▶ [WHAT IS EXPECTED] In the records that follow, find the line with "#31=IFCLOCALPLACEMENT(#14,#2);"; from there, retype every line exactly through the line with "#37=IFCINDEXEDPOLYGONALFACE((5,7,8,6));", which also belongs to the answer.

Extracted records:
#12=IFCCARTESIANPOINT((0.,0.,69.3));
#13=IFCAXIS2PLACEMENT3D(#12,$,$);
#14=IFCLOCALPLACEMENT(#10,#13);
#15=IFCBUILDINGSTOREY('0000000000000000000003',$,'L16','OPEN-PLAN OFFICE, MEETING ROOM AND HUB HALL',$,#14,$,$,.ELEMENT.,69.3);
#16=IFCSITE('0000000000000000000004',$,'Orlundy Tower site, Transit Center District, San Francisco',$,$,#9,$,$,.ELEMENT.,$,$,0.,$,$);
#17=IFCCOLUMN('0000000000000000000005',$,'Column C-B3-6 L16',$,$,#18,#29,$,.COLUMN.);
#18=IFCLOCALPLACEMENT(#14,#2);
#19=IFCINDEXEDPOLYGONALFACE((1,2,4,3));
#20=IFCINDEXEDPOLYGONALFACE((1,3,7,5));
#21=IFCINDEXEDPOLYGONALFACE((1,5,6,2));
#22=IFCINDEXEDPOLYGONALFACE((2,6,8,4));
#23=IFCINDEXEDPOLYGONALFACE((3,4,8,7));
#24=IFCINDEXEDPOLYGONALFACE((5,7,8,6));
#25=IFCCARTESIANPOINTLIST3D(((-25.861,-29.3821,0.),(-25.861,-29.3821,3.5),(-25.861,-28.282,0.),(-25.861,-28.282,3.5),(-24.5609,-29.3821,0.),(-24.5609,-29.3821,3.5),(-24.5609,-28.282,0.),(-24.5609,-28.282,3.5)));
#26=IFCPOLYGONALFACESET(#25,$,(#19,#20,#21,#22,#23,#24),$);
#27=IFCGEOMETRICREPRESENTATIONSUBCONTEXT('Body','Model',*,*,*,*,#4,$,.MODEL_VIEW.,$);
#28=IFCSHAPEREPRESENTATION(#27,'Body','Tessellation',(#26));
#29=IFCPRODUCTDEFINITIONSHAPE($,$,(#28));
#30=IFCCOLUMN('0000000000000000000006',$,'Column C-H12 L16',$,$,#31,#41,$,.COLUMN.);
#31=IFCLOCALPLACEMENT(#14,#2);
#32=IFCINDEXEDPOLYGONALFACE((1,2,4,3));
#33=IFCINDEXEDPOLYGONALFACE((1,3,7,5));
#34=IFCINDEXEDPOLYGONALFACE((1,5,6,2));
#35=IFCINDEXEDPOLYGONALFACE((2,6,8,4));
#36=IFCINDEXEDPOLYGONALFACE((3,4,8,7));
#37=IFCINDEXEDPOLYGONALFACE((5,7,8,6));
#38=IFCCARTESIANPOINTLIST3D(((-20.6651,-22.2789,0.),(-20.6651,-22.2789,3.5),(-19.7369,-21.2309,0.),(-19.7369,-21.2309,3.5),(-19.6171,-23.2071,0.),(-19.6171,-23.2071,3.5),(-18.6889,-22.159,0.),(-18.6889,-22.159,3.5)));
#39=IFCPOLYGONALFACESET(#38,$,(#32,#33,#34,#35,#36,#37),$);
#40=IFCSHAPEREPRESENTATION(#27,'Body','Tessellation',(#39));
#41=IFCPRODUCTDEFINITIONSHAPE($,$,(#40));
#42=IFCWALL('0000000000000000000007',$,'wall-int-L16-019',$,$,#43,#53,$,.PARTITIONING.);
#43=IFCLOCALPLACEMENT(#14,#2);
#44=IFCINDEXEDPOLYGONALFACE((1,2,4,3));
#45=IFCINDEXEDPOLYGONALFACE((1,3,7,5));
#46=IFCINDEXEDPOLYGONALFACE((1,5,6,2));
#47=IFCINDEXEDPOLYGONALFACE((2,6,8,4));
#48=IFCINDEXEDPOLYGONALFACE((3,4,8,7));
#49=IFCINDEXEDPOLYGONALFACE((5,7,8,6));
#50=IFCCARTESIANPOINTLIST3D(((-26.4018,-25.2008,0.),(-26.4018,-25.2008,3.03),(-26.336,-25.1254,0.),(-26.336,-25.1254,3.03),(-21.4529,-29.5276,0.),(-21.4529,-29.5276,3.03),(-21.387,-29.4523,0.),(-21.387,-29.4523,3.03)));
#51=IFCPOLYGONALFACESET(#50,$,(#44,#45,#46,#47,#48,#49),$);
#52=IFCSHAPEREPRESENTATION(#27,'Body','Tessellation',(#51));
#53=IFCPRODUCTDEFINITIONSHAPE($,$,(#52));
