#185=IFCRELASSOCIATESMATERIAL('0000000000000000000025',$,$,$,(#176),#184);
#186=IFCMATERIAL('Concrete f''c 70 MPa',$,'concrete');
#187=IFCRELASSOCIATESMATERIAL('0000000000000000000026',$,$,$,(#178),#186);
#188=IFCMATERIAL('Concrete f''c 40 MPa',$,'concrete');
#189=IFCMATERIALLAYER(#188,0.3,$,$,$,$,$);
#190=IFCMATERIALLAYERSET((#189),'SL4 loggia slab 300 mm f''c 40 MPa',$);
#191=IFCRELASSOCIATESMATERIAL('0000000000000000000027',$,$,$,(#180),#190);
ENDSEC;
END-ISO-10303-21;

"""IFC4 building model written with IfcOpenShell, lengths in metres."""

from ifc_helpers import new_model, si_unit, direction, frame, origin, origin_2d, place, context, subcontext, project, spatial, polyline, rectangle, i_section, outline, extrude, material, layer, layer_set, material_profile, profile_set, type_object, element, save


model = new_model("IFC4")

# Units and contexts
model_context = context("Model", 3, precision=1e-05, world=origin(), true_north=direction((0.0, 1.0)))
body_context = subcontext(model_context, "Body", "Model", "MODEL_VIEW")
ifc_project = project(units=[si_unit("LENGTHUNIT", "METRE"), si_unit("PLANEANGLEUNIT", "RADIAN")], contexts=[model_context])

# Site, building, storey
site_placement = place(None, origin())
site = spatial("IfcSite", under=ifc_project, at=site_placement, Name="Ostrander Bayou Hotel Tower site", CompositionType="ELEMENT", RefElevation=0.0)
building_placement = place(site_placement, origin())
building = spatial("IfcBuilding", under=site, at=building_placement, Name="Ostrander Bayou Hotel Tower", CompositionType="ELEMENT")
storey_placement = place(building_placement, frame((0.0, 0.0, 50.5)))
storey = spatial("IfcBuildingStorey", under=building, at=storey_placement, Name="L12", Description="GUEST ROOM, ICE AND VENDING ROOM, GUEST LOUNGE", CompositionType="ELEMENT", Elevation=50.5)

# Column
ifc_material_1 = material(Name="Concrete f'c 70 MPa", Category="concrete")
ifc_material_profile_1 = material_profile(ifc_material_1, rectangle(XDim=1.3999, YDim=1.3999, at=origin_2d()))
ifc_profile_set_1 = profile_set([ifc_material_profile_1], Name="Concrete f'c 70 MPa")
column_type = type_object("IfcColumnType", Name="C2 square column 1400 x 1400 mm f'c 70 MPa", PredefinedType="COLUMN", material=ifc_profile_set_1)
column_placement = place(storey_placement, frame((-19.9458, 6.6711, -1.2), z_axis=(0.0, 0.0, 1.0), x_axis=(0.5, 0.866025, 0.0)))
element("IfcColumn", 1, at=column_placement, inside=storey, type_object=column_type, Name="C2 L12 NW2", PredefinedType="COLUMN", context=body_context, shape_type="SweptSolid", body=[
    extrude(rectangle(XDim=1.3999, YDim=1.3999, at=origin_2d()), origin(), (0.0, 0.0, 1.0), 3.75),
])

▶ [RESULT OF THE TASK]
#31=IFCLOCALPLACEMENT(#14,#2);
#32=IFCINDEXEDPOLYGONALFACE((1,2,4,3));
#33=IFCINDEXEDPOLYGONALFACE((1,3,7,5));
#34=IFCINDEXEDPOLYGONALFACE((1,5,6,2));
#35=IFCINDEXEDPOLYGONALFACE((2,6,8,4));
#36=IFCINDEXEDPOLYGONALFACE((3,4,8,7));
#37=IFCINDEXEDPOLYGONALFACE((5,7,8,6));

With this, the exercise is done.